### Exercise directions
Check every line of the entries for "save", and copy the lines that hold it.

### Material provided

★ ★ ★ ★

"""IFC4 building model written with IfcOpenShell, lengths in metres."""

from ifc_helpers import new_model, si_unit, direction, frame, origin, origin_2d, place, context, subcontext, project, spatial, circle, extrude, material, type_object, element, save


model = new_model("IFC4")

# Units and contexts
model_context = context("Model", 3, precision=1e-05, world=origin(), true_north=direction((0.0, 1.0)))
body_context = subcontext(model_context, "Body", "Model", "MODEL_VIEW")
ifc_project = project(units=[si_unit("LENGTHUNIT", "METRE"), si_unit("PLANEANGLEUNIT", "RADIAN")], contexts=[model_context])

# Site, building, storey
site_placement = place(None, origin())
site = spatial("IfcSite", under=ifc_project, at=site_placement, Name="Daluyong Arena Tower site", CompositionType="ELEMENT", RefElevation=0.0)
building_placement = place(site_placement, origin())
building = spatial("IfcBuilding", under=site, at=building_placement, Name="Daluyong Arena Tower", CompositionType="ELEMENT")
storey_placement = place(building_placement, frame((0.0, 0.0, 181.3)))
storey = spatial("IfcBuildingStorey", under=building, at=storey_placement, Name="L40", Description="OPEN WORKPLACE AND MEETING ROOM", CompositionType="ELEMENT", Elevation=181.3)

★ ★ ★ ★

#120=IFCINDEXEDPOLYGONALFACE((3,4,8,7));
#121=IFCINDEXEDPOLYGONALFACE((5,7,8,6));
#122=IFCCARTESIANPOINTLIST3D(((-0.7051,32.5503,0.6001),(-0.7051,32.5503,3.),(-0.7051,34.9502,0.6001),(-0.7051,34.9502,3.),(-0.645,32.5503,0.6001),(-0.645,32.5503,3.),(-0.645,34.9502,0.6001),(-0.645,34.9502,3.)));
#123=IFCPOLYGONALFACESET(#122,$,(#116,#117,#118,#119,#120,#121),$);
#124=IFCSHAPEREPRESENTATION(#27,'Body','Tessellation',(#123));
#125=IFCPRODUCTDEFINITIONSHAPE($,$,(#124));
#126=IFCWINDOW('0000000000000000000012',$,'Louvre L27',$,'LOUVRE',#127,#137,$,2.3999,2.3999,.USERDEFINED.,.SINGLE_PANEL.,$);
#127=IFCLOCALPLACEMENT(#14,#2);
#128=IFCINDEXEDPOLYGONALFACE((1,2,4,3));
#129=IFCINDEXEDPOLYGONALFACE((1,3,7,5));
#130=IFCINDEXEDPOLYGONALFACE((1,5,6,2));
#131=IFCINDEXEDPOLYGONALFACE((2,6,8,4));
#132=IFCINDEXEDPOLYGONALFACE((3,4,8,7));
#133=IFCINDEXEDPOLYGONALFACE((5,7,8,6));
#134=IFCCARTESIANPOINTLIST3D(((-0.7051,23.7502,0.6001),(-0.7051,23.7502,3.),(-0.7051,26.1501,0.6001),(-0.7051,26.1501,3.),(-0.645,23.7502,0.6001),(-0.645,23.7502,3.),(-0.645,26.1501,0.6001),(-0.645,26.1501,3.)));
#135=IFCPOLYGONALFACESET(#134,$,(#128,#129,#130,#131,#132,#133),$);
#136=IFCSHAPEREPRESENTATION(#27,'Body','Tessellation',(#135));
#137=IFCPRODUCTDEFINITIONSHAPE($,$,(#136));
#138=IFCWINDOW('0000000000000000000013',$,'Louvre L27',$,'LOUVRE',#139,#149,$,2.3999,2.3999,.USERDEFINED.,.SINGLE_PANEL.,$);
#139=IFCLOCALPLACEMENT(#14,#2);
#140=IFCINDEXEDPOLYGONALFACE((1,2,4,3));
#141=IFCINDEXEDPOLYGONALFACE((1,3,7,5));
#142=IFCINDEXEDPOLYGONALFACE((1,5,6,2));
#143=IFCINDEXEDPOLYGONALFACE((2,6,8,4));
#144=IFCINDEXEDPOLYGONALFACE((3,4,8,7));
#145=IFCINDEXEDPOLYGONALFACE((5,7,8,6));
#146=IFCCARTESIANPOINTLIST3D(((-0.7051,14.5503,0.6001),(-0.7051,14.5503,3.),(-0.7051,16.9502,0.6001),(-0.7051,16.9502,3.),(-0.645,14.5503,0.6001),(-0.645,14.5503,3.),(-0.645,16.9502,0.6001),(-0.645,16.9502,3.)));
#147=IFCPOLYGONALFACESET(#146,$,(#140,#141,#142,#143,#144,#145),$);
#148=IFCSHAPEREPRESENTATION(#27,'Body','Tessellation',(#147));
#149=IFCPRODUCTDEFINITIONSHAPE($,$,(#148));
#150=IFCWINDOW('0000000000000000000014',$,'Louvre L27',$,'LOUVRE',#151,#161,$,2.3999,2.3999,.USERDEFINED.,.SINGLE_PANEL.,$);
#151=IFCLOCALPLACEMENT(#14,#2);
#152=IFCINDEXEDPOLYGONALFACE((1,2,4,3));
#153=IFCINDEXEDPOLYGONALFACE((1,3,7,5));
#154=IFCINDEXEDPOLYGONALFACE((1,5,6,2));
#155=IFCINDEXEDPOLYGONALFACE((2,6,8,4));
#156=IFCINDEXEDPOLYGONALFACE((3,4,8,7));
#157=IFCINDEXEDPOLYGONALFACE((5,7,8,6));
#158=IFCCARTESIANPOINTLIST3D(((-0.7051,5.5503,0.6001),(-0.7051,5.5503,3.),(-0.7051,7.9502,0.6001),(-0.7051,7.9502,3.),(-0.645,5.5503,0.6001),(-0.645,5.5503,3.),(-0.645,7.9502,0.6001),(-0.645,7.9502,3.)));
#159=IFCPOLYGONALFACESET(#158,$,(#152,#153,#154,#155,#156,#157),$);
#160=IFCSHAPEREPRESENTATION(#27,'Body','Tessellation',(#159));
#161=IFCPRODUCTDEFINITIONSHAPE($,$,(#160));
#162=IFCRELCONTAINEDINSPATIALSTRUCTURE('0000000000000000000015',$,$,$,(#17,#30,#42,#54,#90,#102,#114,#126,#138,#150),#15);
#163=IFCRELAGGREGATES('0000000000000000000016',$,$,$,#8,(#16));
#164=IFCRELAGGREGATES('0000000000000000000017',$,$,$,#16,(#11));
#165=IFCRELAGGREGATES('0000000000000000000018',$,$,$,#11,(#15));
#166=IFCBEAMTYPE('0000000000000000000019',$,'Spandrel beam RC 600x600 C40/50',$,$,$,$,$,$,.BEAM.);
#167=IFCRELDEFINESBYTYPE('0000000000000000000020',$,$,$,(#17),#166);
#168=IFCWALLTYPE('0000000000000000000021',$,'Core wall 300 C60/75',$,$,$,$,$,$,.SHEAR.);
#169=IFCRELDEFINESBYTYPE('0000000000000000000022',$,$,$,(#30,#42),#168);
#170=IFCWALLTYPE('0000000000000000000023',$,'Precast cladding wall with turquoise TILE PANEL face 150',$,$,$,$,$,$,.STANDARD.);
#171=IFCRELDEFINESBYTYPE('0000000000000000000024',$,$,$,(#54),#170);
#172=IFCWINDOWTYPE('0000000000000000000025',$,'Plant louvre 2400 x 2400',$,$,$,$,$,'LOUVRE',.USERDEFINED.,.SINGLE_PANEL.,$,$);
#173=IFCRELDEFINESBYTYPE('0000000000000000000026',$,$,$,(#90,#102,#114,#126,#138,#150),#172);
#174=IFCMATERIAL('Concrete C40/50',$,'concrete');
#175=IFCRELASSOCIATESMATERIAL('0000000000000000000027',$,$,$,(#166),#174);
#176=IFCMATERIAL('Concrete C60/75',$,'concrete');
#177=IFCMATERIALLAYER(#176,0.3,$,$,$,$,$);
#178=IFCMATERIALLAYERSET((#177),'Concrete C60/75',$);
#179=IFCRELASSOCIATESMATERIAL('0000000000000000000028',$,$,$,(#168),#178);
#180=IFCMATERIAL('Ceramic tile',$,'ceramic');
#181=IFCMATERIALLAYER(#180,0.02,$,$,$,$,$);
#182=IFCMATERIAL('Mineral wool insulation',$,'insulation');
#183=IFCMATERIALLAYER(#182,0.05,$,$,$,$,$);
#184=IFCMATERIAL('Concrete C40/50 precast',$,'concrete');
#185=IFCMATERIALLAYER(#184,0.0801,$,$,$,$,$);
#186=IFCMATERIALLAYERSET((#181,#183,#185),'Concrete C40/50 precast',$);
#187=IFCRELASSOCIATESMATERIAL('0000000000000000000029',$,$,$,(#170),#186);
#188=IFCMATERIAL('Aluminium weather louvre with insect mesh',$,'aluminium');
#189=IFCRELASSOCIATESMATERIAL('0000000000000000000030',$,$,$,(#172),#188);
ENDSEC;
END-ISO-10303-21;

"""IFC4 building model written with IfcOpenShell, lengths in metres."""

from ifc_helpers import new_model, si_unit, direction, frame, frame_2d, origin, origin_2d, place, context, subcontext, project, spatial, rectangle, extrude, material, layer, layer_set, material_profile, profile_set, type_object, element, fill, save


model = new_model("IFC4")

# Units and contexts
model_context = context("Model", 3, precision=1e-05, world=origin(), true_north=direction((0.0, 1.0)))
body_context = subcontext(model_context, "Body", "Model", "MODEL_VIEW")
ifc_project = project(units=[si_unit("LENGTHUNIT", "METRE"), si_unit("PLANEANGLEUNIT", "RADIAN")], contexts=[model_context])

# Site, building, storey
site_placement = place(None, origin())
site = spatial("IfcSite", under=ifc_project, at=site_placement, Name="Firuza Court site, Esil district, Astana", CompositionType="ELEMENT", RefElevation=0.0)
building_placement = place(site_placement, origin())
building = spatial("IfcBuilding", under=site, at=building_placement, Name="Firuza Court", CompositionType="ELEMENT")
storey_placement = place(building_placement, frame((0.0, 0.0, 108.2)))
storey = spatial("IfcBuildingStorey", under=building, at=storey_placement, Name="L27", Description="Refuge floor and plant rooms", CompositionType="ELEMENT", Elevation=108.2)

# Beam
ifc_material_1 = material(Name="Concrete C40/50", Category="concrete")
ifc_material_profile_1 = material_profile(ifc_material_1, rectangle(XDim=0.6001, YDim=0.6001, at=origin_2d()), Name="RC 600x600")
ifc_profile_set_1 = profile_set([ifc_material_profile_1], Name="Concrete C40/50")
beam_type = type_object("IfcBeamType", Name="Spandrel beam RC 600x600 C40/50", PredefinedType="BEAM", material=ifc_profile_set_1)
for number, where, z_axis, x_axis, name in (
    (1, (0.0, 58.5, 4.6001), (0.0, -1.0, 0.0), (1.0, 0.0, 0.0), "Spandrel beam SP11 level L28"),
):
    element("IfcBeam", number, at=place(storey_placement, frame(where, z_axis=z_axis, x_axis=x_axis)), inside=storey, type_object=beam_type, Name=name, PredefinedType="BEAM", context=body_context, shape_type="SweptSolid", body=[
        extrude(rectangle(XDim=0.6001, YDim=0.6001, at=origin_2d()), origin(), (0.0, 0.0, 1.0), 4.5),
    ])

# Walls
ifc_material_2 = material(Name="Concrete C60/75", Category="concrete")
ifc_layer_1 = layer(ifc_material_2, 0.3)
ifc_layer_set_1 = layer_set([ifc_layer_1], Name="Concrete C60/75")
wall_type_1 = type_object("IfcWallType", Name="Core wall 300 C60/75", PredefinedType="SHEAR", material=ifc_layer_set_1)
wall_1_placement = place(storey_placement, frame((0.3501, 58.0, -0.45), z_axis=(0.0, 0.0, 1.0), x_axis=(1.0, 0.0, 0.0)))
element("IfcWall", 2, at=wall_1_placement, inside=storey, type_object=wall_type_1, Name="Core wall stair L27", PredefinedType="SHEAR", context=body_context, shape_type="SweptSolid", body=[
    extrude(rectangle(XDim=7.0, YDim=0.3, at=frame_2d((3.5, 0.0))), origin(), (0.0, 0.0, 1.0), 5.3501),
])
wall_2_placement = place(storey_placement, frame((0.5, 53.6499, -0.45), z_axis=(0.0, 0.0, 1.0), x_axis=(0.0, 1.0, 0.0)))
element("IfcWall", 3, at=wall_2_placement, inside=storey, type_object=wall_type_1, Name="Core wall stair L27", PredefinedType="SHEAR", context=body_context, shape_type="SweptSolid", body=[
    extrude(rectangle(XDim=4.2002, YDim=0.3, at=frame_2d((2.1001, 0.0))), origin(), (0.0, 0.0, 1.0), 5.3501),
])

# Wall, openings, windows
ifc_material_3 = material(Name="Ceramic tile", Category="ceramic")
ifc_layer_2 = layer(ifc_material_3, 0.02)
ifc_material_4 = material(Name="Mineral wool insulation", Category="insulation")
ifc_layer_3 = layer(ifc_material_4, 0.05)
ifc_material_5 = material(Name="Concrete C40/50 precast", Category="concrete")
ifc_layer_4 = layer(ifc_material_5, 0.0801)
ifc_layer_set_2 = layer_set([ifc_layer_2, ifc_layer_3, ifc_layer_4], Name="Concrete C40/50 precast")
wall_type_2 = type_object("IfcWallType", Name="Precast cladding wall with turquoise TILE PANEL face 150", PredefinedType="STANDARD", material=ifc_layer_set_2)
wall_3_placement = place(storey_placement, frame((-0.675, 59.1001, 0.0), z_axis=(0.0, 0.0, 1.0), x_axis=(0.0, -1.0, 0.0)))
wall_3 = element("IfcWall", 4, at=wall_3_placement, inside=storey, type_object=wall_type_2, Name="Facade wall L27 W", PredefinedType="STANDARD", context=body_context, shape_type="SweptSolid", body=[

★ ★ ★ ★

### Response area
from ifc_helpers import new_model, si_unit, direction, frame, origin, origin_2d, place, context, subcontext, project, spatial, circle, extrude, material, type_object, element, save
from ifc_helpers import new_model, si_unit, direction, frame, frame_2d, origin, origin_2d, place, context, subcontext, project, spatial, rectangle, extrude, material, layer, layer_set, material_profile, profile_set, type_object, element, fill, save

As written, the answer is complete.